→ **PROBLEM REQUIREMENTS**
Output the entries below exactly, from the first line to the line holding "#10=IFCLOCALPLACEMENT(#9,#2);", both included.

→ **STUDY MATERIAL**
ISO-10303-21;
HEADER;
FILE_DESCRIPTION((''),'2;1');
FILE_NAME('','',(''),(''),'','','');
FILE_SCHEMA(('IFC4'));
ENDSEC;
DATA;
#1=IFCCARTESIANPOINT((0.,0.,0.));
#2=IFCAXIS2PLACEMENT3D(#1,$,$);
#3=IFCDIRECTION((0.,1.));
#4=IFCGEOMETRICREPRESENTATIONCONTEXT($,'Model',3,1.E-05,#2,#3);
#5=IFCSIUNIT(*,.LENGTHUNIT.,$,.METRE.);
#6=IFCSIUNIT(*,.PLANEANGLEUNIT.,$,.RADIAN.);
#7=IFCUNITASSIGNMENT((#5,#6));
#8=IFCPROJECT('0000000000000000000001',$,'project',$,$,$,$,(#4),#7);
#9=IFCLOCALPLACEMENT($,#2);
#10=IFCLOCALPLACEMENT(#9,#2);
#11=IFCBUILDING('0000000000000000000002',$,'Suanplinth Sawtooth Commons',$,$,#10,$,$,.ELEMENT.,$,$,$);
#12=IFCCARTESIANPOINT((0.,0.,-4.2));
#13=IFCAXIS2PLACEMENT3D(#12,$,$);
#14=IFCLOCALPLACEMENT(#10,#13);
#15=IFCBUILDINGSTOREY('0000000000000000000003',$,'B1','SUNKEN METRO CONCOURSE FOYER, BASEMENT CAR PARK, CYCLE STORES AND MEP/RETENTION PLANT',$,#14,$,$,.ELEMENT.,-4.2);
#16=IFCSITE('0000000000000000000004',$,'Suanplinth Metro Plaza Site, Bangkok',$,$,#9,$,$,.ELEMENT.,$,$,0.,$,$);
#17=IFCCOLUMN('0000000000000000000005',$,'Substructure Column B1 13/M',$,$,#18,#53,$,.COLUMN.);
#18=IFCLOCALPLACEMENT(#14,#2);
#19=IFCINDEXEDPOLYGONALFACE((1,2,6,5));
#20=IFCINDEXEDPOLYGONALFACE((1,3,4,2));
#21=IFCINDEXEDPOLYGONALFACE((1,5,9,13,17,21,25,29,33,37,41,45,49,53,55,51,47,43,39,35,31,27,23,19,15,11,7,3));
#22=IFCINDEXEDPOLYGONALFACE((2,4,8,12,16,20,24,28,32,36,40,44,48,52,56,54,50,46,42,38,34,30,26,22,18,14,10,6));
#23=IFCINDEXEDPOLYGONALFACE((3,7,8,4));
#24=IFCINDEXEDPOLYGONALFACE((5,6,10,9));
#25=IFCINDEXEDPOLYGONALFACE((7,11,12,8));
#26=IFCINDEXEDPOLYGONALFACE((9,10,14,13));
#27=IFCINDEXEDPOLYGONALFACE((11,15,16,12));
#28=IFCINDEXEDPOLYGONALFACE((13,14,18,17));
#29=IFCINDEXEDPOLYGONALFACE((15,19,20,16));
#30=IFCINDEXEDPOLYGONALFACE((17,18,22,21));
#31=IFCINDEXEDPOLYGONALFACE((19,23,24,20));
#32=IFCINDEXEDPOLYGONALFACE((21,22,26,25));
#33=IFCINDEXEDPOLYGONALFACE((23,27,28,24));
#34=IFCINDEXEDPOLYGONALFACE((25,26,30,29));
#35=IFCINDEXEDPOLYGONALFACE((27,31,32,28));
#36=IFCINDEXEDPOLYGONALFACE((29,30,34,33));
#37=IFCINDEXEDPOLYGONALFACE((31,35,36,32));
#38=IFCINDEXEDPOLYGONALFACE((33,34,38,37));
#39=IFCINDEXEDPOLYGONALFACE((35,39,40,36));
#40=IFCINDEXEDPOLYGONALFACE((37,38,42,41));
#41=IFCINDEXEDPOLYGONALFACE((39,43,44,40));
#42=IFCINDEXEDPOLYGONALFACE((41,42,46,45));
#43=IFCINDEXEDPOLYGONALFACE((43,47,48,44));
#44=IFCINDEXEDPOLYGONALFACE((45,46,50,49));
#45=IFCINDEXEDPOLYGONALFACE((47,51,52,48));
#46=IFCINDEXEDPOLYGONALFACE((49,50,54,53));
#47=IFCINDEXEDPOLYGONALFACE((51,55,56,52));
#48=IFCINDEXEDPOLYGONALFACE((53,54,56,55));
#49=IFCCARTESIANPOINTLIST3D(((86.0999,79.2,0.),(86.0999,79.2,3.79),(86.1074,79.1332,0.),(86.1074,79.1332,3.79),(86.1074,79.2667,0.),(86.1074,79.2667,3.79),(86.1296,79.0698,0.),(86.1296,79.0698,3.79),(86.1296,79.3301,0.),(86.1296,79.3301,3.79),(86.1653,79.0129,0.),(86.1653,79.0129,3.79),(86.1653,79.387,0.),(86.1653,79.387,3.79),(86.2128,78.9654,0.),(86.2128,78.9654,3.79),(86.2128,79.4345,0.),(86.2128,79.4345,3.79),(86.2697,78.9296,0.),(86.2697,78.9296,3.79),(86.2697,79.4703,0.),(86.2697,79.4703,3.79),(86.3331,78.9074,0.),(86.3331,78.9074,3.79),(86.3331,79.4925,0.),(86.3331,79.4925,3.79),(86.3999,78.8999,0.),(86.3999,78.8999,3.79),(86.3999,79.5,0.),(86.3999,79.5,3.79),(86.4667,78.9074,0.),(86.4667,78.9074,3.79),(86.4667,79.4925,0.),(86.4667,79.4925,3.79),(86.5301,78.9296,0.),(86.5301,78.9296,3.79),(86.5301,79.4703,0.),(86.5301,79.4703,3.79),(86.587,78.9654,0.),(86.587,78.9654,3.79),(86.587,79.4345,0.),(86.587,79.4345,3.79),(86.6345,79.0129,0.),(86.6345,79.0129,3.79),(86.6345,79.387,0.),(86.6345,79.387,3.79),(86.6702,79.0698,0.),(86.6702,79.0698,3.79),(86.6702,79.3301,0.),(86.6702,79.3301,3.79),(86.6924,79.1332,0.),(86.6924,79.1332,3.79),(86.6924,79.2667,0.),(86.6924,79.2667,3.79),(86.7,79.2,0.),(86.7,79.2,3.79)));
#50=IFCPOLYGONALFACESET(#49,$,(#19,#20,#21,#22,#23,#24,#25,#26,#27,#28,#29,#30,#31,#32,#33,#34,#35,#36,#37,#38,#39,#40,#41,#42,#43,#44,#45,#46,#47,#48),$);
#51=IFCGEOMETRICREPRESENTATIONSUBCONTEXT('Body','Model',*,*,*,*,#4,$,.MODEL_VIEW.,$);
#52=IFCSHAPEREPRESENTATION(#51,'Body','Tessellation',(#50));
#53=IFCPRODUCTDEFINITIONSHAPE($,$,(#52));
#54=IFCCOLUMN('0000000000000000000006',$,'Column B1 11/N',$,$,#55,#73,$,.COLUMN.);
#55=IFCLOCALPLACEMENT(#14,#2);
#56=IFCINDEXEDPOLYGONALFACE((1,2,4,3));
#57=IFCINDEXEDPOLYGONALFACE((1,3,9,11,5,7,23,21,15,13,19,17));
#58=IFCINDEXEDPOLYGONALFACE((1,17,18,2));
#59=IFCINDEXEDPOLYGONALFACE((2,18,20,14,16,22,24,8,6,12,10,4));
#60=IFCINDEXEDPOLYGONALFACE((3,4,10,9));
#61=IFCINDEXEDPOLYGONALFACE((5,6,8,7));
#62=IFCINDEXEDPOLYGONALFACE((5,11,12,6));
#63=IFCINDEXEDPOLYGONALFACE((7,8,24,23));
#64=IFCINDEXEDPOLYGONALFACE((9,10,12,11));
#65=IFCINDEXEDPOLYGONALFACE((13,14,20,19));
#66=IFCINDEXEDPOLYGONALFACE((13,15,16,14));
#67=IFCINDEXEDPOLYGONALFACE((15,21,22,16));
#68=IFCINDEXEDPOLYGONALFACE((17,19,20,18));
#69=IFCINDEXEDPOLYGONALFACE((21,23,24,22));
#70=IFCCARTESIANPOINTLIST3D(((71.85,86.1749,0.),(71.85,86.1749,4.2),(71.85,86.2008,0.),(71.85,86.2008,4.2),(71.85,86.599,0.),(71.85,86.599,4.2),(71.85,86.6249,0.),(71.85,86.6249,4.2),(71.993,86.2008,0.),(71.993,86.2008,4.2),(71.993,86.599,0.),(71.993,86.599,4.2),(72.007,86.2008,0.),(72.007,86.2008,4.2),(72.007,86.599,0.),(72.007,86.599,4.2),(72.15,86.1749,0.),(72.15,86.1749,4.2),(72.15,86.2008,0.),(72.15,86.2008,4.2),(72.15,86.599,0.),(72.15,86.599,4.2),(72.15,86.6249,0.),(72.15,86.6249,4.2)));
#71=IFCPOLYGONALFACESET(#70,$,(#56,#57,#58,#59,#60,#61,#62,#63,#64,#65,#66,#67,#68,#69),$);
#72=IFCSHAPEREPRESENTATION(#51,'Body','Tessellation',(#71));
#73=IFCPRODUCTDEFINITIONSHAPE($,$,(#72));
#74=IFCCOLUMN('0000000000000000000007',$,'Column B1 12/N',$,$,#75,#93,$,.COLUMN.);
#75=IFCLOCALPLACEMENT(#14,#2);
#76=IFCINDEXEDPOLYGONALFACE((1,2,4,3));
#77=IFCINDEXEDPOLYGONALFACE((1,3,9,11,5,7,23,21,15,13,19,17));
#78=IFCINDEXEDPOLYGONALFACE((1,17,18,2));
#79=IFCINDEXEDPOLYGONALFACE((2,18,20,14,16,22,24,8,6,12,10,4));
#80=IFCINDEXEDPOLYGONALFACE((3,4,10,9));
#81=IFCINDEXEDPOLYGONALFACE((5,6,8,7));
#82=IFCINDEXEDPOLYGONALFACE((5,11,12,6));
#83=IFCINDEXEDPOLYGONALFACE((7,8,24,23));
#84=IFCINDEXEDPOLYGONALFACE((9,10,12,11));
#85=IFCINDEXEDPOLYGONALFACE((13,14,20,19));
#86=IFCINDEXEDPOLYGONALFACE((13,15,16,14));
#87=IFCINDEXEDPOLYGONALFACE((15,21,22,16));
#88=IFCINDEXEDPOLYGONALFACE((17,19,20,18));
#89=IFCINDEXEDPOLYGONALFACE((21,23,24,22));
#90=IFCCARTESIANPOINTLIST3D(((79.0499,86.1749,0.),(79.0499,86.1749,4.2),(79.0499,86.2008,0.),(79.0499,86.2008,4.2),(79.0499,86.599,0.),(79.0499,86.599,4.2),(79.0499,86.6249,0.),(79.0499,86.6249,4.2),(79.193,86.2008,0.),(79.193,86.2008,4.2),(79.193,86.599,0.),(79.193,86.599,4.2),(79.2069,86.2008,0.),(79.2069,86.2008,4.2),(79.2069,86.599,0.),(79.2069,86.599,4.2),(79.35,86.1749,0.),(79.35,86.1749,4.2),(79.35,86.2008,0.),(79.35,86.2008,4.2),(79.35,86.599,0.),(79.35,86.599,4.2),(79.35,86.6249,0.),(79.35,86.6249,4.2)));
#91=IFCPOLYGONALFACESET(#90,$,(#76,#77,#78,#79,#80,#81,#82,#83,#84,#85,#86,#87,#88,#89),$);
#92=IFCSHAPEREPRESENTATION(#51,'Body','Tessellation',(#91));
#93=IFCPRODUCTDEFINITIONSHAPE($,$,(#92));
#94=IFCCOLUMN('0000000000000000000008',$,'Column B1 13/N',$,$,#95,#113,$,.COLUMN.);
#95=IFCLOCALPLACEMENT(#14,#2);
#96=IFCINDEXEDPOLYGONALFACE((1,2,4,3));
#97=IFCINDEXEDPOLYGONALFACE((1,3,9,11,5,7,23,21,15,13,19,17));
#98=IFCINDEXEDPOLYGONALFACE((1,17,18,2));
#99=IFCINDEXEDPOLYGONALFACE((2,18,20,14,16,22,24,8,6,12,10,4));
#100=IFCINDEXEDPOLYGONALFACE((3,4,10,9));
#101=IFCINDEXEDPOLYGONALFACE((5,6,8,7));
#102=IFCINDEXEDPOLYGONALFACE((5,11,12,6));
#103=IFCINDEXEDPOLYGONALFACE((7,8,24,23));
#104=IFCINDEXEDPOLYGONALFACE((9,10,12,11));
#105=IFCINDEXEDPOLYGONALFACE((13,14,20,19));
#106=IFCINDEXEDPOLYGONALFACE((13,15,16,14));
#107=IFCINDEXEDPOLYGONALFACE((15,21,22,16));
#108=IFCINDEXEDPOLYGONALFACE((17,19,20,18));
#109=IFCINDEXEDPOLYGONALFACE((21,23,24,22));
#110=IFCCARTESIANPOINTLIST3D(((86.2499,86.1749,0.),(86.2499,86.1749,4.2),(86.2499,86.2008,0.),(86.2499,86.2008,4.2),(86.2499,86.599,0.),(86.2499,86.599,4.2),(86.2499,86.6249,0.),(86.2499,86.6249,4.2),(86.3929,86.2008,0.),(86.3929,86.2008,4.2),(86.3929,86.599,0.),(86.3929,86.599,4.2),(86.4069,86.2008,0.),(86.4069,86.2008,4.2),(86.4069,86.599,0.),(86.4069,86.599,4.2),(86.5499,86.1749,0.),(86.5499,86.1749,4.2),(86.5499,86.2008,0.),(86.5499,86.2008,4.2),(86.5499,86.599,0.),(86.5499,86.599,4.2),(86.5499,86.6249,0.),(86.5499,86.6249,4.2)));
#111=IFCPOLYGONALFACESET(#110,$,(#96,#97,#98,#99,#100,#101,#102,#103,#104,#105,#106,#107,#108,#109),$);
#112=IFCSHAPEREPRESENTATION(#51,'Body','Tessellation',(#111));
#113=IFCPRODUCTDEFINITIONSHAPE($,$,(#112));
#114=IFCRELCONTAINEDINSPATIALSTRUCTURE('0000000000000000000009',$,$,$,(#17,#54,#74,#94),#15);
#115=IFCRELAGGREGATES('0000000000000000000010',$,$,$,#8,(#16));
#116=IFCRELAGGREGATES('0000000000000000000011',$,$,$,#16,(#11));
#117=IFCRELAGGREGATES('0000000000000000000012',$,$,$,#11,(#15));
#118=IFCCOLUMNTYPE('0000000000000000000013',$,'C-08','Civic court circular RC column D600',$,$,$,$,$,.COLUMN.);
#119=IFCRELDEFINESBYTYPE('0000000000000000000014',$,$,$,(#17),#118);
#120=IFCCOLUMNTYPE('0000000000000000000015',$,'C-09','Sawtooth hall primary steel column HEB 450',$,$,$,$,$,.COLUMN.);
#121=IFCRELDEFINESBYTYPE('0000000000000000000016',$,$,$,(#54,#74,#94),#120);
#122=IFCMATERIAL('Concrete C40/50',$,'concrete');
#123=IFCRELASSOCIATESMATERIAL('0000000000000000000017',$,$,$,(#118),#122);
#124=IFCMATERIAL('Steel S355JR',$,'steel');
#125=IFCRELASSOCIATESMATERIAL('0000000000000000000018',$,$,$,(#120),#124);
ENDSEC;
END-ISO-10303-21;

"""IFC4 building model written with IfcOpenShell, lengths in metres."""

from ifc_helpers import new_model, si_unit, direction, frame, origin, origin_2d, place, context, subcontext, project, spatial, circle, i_section, extrude, material, material_profile, profile_set, type_object, element, save


model = new_model("IFC4")

# Units and contexts
model_context = context("Model", 3, precision=1e-05, world=origin(), true_north=direction((0.0, 1.0)))
body_context = subcontext(model_context, "Body", "Model", "MODEL_VIEW")
ifc_project = project(units=[si_unit("LENGTHUNIT", "METRE"), si_unit("PLANEANGLEUNIT", "RADIAN")], contexts=[model_context])

# Site, building, storey
site_placement = place(None, origin())
site = spatial("IfcSite", under=ifc_project, at=site_placement, Name="Suanplinth Metro Plaza Site, Bangkok", CompositionType="ELEMENT", RefElevation=0.0)
building_placement = place(site_placement, origin())
building = spatial("IfcBuilding", under=site, at=building_placement, Name="Suanplinth Sawtooth Commons", CompositionType="ELEMENT")
storey_placement = place(building_placement, frame((0.0, 0.0, -4.2)))
storey = spatial("IfcBuildingStorey", under=building, at=storey_placement, Name="B1", Description="SUNKEN METRO CONCOURSE FOYER, BASEMENT CAR PARK, CYCLE STORES AND MEP/RETENTION PLANT", CompositionType="ELEMENT", Elevation=-4.2)

# Columns
ifc_material_1 = material(Name="Concrete C40/50", Category="concrete")
ifc_material_profile_1 = material_profile(ifc_material_1, circle(Radius=0.3, at=origin_2d()), Name="RC-CIRC D600")
ifc_profile_set_1 = profile_set([ifc_material_profile_1], Name="Concrete C40/50")
column_type_1 = type_object("IfcColumnType", Name="C-08", Description="Civic court circular RC column D600", PredefinedType="COLUMN", material=ifc_profile_set_1)
for number, where, z_axis, x_axis, name in (
    (1, (86.3999, 79.2, 0.0), (0.0, 0.0, 1.0), (1.0, 0.0, 0.0), "Substructure Column B1 13/M"),
):
    element("IfcColumn", number, at=place(storey_placement, frame(where, z_axis=z_axis, x_axis=x_axis)), inside=storey, type_object=column_type_1, Name=name, PredefinedType="COLUMN", context=body_context, shape_type="SweptSolid", body=[
        extrude(circle(Radius=0.3, at=origin_2d()), origin(), (0.0, 0.0, 1.0), 3.79),
    ])
ifc_material_2 = material(Name="Steel S355JR", Category="steel")
ifc_material_profile_2 = material_profile(ifc_material_2, i_section(OverallWidth=0.3, OverallDepth=0.45, WebThickness=0.0139, FlangeThickness=0.0259, at=origin_2d()), Name="HEB 450")
ifc_profile_set_2 = profile_set([ifc_material_profile_2], Name="Steel S355JR")
column_type_2 = type_object("IfcColumnType", Name="C-09", Description="Sawtooth hall primary steel column HEB 450", PredefinedType="COLUMN", material=ifc_profile_set_2)
for number, where, z_axis, x_axis, name in (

→ **EXERCISE ANSWER**
ISO-10303-21;
HEADER;
FILE_DESCRIPTION((''),'2;1');
FILE_NAME('','',(''),(''),'','','');
FILE_SCHEMA(('IFC4'));
ENDSEC;
DATA;
#1=IFCCARTESIANPOINT((0.,0.,0.));
#2=IFCAXIS2PLACEMENT3D(#1,$,$);
#3=IFCDIRECTION((0.,1.));
#4=IFCGEOMETRICREPRESENTATIONCONTEXT($,'Model',3,1.E-05,#2,#3);
#5=IFCSIUNIT(*,.LENGTHUNIT.,$,.METRE.);
#6=IFCSIUNIT(*,.PLANEANGLEUNIT.,$,.RADIAN.);
#7=IFCUNITASSIGNMENT((#5,#6));
#8=IFCPROJECT('0000000000000000000001',$,'project',$,$,$,$,(#4),#7);
#9=IFCLOCALPLACEMENT($,#2);
#10=IFCLOCALPLACEMENT(#9,#2);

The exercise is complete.